• [WHAT THIS TASK INVOLVES]: What lines in the records below contain the string "Grade"? Copy every one.

(Collected data entries)

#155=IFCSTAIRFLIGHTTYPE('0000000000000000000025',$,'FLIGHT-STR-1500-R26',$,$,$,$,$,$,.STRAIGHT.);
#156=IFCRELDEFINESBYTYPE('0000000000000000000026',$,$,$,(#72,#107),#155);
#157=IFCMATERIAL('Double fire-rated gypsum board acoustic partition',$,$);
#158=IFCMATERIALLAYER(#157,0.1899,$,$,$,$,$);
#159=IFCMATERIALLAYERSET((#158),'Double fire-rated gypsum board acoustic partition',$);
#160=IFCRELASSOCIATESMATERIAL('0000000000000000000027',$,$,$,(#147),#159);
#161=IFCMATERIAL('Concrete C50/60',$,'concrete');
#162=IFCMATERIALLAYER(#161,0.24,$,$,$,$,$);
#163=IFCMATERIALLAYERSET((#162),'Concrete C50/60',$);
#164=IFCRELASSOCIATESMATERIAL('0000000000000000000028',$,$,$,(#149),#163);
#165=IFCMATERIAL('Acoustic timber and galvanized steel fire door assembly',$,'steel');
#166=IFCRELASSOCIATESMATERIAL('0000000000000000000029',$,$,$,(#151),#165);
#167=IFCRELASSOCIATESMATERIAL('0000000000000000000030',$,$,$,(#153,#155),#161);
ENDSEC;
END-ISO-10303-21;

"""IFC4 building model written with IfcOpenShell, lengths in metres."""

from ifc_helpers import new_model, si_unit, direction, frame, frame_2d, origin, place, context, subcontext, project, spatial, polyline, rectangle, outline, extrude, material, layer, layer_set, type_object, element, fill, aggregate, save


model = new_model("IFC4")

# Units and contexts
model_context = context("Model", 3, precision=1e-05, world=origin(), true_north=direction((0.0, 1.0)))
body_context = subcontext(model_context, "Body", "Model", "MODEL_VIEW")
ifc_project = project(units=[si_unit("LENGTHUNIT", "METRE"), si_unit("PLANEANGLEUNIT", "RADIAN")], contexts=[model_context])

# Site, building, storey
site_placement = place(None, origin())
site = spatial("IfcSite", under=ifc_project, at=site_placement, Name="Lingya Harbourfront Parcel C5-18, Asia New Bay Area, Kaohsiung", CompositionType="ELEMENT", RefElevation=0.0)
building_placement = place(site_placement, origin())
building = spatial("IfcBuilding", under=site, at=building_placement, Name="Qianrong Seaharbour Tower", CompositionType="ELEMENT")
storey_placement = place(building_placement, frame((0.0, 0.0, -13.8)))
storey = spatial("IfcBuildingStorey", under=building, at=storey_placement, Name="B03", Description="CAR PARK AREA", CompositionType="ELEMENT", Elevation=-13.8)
* * *
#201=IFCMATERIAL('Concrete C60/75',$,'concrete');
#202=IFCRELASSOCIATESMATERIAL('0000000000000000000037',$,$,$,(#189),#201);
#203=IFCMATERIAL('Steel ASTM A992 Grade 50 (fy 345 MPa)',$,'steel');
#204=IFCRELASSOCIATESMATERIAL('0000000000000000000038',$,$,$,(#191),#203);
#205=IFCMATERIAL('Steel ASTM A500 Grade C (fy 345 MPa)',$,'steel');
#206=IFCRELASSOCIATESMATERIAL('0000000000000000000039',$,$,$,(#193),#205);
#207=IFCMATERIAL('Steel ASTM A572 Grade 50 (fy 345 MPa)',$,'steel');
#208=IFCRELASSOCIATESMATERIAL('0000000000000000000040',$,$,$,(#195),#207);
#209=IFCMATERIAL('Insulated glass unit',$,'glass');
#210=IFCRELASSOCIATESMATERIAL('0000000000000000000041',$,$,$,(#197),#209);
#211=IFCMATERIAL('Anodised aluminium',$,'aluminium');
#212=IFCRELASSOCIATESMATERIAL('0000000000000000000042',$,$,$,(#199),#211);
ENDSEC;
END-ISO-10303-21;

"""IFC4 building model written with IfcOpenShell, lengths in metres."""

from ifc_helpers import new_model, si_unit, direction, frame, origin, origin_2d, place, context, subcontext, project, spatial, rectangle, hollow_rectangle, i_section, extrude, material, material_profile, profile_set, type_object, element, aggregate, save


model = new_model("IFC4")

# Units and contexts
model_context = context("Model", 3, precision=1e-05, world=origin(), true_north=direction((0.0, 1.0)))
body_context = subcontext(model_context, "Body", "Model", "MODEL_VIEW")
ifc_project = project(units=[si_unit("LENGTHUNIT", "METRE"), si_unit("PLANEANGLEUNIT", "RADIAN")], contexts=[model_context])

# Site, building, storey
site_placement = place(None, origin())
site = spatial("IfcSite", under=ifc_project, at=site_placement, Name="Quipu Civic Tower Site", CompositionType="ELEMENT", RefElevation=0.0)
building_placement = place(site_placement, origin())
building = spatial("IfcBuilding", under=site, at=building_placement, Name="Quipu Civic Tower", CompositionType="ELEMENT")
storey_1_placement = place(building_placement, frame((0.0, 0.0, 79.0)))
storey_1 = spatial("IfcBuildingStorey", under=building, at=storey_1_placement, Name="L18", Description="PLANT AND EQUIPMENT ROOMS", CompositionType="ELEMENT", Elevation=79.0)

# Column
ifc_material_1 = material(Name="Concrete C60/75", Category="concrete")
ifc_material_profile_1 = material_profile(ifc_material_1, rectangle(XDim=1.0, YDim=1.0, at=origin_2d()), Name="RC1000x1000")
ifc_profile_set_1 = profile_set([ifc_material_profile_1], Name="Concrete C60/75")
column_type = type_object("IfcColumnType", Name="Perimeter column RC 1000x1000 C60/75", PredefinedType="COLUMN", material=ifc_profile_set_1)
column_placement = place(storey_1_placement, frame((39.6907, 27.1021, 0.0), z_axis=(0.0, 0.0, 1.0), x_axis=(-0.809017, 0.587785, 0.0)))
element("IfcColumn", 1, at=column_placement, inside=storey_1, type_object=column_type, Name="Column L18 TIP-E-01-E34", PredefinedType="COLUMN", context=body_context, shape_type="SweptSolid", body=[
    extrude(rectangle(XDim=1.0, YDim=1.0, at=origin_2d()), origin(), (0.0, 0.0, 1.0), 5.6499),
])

• [SOLUTION]:
#203=IFCMATERIAL('Steel ASTM A992 Grade 50 (fy 345 MPa)',$,'steel');
#205=IFCMATERIAL('Steel ASTM A500 Grade C (fy 345 MPa)',$,'steel');
#207=IFCMATERIAL('Steel ASTM A572 Grade 50 (fy 345 MPa)',$,'steel');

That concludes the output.